[What you need to do]:
Which of the lines below holds the string "Glazing"? Copy every line that does.

[The data]:
:::::

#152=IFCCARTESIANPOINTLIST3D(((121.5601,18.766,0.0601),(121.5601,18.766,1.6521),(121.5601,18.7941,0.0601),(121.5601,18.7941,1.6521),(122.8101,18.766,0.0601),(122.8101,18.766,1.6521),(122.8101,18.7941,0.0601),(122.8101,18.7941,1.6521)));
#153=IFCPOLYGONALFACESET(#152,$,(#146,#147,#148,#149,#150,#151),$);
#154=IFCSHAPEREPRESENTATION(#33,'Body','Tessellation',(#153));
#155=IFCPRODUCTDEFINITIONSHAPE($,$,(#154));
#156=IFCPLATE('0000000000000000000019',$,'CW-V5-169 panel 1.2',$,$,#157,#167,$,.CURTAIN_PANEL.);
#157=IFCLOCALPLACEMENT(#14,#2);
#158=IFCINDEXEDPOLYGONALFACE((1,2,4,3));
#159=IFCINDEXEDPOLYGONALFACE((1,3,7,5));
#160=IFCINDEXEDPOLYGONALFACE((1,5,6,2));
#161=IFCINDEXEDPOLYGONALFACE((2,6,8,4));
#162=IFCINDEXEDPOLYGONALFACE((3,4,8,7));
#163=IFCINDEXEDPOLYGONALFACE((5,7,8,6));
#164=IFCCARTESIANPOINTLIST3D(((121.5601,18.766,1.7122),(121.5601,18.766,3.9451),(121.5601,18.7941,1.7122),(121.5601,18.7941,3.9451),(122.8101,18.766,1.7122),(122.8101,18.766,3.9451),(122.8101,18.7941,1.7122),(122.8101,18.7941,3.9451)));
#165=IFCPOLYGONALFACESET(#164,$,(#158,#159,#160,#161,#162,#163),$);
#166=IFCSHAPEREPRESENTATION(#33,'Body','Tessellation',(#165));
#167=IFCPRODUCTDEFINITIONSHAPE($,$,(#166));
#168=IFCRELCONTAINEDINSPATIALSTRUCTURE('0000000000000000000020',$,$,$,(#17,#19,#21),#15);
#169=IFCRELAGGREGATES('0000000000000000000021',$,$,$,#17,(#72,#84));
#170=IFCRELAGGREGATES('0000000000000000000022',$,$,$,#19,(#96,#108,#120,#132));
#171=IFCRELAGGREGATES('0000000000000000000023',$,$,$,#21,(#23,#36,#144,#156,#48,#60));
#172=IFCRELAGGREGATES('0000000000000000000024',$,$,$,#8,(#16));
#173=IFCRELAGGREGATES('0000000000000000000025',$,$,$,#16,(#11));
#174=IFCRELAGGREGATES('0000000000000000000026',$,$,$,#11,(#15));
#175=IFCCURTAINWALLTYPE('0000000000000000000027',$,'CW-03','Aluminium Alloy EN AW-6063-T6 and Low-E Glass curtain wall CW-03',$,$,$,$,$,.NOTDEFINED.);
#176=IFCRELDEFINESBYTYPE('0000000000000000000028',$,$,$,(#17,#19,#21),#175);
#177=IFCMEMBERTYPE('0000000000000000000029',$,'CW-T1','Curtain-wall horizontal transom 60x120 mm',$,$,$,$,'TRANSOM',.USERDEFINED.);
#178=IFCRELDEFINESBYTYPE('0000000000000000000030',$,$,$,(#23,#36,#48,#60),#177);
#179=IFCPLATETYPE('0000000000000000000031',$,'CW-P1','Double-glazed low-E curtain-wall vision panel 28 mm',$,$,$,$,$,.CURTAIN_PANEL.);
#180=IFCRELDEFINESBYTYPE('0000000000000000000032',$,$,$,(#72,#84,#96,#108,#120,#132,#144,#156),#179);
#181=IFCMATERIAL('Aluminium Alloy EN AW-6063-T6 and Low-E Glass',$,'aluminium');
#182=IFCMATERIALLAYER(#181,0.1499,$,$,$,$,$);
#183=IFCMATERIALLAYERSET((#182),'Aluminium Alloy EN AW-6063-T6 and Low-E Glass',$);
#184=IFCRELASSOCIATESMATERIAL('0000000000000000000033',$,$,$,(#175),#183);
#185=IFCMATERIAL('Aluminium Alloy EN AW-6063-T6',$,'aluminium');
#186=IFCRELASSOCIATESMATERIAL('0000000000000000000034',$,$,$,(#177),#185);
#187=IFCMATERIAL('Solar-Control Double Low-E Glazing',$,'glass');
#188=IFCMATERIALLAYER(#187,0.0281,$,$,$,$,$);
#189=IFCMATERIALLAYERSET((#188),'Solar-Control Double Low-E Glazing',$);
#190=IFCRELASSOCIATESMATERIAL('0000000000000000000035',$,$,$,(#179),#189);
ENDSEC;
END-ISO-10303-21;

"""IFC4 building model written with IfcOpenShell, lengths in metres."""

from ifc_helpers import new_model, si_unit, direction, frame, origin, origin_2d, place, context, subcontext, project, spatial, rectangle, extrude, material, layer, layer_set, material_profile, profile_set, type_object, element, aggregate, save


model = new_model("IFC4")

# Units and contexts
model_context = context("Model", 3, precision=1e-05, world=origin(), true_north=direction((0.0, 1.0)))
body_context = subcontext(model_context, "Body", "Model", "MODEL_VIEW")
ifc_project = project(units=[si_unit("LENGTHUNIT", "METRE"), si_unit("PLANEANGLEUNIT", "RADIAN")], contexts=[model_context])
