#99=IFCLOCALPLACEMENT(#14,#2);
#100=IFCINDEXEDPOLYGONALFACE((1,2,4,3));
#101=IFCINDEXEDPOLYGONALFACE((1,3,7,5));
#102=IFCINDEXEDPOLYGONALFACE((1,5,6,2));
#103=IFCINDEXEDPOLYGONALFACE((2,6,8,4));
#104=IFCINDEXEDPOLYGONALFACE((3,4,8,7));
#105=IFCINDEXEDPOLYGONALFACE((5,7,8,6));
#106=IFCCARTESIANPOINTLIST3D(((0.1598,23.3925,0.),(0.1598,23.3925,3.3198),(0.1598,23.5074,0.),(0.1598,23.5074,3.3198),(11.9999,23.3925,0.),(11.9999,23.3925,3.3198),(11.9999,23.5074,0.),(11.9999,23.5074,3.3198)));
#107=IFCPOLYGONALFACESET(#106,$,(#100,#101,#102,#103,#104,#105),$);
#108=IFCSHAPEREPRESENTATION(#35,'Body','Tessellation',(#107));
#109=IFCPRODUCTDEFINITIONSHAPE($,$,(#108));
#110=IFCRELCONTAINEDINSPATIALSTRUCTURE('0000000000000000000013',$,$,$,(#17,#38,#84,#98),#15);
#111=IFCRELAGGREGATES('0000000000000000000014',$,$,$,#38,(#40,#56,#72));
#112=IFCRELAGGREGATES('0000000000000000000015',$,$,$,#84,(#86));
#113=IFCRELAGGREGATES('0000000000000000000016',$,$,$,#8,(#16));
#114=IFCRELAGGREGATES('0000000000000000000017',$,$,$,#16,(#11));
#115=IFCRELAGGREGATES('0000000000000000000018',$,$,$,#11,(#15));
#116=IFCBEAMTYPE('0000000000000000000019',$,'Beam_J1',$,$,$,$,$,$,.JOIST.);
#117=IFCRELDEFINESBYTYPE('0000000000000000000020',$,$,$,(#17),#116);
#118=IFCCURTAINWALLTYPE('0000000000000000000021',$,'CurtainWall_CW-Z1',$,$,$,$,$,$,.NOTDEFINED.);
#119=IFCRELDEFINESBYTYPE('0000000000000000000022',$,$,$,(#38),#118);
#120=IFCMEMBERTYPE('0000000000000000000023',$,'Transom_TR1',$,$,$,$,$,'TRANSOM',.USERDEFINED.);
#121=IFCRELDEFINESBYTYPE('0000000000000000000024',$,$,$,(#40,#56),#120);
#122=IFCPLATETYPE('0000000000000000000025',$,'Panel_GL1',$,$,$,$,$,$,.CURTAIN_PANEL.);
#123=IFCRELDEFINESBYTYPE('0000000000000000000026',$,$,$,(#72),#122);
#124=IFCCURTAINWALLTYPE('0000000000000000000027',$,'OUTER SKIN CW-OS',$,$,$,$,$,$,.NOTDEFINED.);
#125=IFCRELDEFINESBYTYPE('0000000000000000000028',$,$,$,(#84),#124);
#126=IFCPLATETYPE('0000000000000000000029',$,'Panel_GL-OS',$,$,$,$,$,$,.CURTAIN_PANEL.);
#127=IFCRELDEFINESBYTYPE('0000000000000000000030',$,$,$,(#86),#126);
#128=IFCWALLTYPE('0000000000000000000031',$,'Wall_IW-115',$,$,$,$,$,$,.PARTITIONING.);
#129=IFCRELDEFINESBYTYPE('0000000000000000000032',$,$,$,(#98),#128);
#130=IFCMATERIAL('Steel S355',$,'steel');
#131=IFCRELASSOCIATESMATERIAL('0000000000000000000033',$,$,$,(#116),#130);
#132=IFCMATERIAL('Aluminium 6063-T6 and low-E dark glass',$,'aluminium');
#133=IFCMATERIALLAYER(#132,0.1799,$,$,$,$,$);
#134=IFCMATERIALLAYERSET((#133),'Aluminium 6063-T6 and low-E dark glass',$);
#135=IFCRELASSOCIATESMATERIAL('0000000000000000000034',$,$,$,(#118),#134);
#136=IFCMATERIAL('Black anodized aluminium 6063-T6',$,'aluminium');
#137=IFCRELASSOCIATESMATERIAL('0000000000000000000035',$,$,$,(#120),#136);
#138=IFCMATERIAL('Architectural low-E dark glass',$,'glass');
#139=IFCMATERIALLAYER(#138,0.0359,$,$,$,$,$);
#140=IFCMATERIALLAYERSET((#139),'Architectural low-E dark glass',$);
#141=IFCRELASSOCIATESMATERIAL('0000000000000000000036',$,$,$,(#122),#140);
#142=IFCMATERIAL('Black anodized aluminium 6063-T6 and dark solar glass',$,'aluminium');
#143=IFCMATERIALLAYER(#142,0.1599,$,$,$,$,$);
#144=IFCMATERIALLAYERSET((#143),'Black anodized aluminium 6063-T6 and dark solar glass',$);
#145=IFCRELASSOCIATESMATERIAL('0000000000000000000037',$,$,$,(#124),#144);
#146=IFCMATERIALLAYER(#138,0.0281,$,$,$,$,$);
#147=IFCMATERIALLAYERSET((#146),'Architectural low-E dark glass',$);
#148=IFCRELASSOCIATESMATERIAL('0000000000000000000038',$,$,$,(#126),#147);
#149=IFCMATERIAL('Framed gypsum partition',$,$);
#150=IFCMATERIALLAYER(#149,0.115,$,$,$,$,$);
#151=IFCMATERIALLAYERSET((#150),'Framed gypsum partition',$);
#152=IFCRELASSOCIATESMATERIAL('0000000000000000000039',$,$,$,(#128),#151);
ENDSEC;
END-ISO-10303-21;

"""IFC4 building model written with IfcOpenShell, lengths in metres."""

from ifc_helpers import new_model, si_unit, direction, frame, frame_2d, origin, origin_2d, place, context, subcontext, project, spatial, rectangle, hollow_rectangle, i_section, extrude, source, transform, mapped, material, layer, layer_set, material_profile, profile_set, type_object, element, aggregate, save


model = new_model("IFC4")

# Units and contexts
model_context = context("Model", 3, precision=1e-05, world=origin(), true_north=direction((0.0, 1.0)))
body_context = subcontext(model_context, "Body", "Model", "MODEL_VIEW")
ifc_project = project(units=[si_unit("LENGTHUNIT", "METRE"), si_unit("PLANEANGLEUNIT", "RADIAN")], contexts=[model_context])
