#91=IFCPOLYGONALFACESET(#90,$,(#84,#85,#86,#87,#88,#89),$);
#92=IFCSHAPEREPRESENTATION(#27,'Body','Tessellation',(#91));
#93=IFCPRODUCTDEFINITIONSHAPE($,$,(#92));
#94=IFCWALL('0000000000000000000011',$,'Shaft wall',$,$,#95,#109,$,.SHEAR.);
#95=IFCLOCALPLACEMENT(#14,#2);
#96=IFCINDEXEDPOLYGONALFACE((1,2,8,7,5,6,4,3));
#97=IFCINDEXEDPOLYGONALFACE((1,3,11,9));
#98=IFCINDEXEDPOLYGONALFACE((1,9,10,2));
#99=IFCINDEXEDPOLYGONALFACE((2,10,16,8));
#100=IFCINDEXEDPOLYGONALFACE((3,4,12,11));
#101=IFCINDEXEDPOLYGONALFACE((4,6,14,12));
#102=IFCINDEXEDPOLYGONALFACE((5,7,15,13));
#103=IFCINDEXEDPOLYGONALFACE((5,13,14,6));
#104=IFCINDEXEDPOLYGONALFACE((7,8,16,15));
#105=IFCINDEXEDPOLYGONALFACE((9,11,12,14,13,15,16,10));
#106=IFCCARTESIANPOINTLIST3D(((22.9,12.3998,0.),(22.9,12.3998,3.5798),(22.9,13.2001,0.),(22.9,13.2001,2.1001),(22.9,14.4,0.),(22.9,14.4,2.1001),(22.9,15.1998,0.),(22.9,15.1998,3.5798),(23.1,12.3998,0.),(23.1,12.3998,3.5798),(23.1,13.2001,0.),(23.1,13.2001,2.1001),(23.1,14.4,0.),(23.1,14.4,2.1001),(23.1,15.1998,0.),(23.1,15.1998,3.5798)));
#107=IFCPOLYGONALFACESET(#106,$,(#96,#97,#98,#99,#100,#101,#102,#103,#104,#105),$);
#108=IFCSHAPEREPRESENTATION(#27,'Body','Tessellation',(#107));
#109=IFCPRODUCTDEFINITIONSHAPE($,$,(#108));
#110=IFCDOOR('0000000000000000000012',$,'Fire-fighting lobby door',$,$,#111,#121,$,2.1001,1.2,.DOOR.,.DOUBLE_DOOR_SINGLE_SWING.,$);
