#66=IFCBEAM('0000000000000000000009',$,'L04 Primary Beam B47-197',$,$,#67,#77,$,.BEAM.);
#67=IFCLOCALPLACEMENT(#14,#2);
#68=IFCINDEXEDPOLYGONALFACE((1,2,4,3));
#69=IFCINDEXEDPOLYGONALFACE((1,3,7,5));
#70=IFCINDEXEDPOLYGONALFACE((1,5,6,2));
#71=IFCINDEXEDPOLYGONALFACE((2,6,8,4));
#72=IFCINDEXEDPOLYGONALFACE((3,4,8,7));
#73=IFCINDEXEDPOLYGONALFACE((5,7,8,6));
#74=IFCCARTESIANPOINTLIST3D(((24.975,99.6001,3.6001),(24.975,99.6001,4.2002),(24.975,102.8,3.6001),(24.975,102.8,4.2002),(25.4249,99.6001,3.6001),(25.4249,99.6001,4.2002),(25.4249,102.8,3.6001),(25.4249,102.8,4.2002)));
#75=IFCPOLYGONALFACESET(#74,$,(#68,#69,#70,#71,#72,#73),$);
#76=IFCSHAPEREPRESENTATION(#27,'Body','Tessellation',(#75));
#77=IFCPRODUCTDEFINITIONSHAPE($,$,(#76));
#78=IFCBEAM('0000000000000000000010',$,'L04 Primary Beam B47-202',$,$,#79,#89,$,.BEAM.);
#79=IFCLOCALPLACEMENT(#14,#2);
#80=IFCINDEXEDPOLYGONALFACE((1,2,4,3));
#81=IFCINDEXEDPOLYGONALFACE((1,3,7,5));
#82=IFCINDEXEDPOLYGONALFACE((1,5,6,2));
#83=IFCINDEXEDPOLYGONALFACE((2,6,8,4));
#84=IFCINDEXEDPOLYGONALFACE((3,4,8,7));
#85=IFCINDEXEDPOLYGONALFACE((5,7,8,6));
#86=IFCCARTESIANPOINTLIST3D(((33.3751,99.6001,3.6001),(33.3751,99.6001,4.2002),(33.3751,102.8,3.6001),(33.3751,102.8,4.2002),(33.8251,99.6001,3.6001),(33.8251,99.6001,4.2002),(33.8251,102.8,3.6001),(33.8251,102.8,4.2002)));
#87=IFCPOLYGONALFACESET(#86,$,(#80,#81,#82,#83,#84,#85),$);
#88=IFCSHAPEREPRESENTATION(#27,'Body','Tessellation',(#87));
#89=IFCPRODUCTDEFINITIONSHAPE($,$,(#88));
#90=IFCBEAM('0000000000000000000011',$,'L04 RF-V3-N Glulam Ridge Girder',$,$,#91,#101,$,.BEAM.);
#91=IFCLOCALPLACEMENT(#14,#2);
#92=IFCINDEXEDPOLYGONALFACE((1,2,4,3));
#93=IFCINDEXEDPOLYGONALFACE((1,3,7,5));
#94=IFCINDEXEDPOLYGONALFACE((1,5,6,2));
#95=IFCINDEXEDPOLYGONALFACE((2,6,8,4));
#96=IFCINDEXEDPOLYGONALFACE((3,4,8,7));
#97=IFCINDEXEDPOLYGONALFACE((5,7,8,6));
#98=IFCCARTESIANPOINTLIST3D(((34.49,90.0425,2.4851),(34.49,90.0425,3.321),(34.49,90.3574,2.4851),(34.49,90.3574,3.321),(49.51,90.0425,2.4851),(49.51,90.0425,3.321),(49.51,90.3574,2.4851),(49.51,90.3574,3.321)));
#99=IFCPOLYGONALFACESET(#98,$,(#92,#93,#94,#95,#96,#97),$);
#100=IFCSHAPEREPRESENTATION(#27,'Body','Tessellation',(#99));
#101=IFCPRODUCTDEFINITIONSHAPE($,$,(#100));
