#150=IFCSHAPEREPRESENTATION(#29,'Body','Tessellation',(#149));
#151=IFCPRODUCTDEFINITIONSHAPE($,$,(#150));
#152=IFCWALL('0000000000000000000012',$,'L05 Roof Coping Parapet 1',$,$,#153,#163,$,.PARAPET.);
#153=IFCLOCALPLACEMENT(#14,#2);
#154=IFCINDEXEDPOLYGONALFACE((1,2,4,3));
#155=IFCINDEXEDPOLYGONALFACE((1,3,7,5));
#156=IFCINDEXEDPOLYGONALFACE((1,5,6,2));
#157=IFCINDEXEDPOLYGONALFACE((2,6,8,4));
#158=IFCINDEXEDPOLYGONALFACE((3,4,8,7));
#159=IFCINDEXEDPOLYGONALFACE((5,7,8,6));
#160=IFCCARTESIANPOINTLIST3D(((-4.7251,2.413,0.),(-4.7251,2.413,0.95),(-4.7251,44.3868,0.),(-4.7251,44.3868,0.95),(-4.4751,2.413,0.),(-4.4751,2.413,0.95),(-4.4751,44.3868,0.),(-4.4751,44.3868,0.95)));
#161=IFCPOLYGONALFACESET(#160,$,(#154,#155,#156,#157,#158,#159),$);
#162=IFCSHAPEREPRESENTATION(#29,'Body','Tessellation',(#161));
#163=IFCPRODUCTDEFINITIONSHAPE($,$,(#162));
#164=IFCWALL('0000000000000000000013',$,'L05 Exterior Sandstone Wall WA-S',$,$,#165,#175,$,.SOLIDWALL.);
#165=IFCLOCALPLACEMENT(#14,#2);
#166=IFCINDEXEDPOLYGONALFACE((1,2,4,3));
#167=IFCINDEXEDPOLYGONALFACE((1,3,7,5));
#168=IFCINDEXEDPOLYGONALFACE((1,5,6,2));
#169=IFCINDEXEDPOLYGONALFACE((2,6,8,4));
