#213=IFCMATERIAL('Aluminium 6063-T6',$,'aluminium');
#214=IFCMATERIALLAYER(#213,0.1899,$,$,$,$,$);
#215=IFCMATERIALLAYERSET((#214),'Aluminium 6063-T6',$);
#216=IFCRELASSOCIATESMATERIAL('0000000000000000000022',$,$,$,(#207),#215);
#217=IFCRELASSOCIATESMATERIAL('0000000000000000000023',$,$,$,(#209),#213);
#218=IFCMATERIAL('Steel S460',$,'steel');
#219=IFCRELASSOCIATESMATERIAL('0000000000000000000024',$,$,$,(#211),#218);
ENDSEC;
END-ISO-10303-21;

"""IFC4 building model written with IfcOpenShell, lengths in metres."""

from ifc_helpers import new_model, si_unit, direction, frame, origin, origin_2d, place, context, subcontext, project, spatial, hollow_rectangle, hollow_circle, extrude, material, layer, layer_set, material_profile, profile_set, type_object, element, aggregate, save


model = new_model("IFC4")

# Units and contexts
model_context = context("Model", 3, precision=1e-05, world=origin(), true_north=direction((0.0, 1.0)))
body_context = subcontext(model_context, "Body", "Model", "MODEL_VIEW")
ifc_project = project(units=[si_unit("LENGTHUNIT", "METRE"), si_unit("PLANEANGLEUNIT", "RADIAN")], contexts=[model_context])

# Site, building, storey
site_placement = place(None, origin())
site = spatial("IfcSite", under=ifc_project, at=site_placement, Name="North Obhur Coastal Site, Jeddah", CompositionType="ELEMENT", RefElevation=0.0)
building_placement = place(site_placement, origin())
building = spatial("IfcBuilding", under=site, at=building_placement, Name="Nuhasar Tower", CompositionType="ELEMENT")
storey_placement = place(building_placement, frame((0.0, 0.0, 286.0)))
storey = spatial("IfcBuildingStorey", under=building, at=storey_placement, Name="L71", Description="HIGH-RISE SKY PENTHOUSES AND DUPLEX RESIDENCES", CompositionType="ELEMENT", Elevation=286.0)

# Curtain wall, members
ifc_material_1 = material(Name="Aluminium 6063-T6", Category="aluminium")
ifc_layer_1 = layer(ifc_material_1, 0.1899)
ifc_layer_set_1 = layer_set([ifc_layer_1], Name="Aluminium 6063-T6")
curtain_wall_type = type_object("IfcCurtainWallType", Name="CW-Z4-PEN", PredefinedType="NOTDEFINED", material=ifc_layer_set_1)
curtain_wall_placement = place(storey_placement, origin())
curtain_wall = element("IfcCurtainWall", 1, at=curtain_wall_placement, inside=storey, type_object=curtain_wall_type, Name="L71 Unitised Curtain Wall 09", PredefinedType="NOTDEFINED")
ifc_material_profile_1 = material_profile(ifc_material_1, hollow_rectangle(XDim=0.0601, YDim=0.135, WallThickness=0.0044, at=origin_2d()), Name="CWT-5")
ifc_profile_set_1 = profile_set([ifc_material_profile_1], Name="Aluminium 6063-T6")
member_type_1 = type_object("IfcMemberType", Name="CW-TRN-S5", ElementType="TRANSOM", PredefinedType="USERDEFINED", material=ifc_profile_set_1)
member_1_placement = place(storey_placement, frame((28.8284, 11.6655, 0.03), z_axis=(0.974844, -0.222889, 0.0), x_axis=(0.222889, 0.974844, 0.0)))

:::::

[Solution for this problem]:
#187=IFCMATERIAL('Solar-Control Double Low-E Glazing',$,'glass');
#189=IFCMATERIALLAYERSET((#188),'Solar-Control Double Low-E Glazing',$);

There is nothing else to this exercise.